▶ EXERCISE INSTRUCTIONS
From the line that contains "#172=IFCINDEXEDPOLYGONALFACE((2,6,8,4));" through the line that contains "#179=IFCPRODUCTDEFINITIONSHAPE($,$,(#178));", output every line of the listing below exactly and leave out all the rest.

=== DATASET CONTENT ===

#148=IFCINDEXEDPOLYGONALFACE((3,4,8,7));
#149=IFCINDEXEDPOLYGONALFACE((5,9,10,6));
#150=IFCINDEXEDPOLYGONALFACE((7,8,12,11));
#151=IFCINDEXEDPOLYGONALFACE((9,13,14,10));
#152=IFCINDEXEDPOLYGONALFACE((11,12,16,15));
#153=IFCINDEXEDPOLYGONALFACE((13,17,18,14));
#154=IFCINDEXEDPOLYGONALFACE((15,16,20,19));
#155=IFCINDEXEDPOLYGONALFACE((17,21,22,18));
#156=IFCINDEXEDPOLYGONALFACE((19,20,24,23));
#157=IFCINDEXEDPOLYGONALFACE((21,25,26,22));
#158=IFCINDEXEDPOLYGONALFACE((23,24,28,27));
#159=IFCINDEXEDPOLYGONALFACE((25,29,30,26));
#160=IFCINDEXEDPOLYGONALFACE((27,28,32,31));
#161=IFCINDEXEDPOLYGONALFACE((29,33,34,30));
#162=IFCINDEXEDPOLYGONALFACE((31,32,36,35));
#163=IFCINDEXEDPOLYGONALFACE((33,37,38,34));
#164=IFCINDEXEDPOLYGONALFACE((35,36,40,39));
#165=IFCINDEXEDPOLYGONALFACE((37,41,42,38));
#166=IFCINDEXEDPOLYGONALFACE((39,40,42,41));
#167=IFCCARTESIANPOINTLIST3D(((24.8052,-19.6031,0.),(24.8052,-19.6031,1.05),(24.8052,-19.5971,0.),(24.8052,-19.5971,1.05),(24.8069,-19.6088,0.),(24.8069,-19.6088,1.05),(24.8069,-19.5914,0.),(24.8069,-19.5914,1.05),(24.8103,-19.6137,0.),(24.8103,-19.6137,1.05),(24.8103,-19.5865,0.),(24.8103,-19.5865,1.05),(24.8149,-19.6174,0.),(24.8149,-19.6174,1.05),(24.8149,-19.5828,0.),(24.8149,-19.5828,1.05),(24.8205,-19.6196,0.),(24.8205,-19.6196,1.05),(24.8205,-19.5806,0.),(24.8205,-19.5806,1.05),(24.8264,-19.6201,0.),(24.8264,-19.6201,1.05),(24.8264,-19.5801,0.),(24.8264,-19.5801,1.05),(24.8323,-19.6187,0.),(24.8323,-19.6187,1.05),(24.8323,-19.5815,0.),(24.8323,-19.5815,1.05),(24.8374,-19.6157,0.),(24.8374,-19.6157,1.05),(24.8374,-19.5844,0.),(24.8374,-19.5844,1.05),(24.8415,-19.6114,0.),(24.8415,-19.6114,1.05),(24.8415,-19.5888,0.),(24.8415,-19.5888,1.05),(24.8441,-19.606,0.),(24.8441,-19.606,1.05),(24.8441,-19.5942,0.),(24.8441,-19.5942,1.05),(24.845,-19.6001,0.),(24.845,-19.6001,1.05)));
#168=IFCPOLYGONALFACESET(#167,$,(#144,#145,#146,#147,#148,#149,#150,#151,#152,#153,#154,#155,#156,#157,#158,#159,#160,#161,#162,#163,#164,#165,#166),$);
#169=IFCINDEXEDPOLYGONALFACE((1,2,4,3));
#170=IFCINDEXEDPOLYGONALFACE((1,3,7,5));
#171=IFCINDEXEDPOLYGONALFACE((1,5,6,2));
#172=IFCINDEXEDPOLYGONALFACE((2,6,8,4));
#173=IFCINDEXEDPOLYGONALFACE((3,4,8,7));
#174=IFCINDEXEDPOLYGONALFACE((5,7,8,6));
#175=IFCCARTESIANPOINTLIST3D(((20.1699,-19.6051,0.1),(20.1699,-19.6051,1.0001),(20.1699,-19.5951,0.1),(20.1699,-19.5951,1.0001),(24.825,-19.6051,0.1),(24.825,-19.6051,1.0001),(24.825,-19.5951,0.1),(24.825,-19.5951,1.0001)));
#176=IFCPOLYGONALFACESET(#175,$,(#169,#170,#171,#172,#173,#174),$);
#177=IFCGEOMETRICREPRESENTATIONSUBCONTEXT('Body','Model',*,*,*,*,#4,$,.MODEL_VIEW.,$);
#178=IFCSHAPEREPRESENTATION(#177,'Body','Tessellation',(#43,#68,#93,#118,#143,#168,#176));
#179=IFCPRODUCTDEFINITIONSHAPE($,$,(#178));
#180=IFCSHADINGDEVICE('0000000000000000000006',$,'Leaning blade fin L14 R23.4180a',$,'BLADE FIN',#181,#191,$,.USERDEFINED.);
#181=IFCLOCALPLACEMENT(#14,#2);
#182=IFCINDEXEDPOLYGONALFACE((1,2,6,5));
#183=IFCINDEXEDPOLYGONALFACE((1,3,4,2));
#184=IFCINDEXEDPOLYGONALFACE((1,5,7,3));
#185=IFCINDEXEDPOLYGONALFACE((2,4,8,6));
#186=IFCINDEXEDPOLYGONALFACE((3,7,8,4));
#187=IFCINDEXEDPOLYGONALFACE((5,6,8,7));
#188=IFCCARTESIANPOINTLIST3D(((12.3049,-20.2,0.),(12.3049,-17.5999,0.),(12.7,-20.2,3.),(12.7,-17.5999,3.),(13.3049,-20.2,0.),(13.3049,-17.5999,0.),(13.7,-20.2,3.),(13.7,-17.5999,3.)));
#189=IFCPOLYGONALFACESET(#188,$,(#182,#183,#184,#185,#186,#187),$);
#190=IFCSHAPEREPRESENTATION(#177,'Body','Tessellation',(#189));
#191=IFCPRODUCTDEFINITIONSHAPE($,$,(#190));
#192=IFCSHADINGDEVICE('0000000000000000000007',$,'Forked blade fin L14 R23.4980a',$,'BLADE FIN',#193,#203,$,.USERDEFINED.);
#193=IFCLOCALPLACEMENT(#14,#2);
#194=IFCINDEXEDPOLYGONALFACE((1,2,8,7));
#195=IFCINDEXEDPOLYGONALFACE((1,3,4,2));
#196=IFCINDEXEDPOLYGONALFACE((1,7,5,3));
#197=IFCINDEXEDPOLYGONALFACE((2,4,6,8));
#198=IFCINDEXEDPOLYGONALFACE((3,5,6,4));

===

▶ WRITTEN RESPONSE
#172=IFCINDEXEDPOLYGONALFACE((2,6,8,4));
#173=IFCINDEXEDPOLYGONALFACE((3,4,8,7));
#174=IFCINDEXEDPOLYGONALFACE((5,7,8,6));
#175=IFCCARTESIANPOINTLIST3D(((20.1699,-19.6051,0.1),(20.1699,-19.6051,1.0001),(20.1699,-19.5951,0.1),(20.1699,-19.5951,1.0001),(24.825,-19.6051,0.1),(24.825,-19.6051,1.0001),(24.825,-19.5951,0.1),(24.825,-19.5951,1.0001)));
#176=IFCPOLYGONALFACESET(#175,$,(#169,#170,#171,#172,#173,#174),$);
#177=IFCGEOMETRICREPRESENTATIONSUBCONTEXT('Body','Model',*,*,*,*,#4,$,.MODEL_VIEW.,$);
#178=IFCSHAPEREPRESENTATION(#177,'Body','Tessellation',(#43,#68,#93,#118,#143,#168,#176));
#179=IFCPRODUCTDEFINITIONSHAPE($,$,(#178));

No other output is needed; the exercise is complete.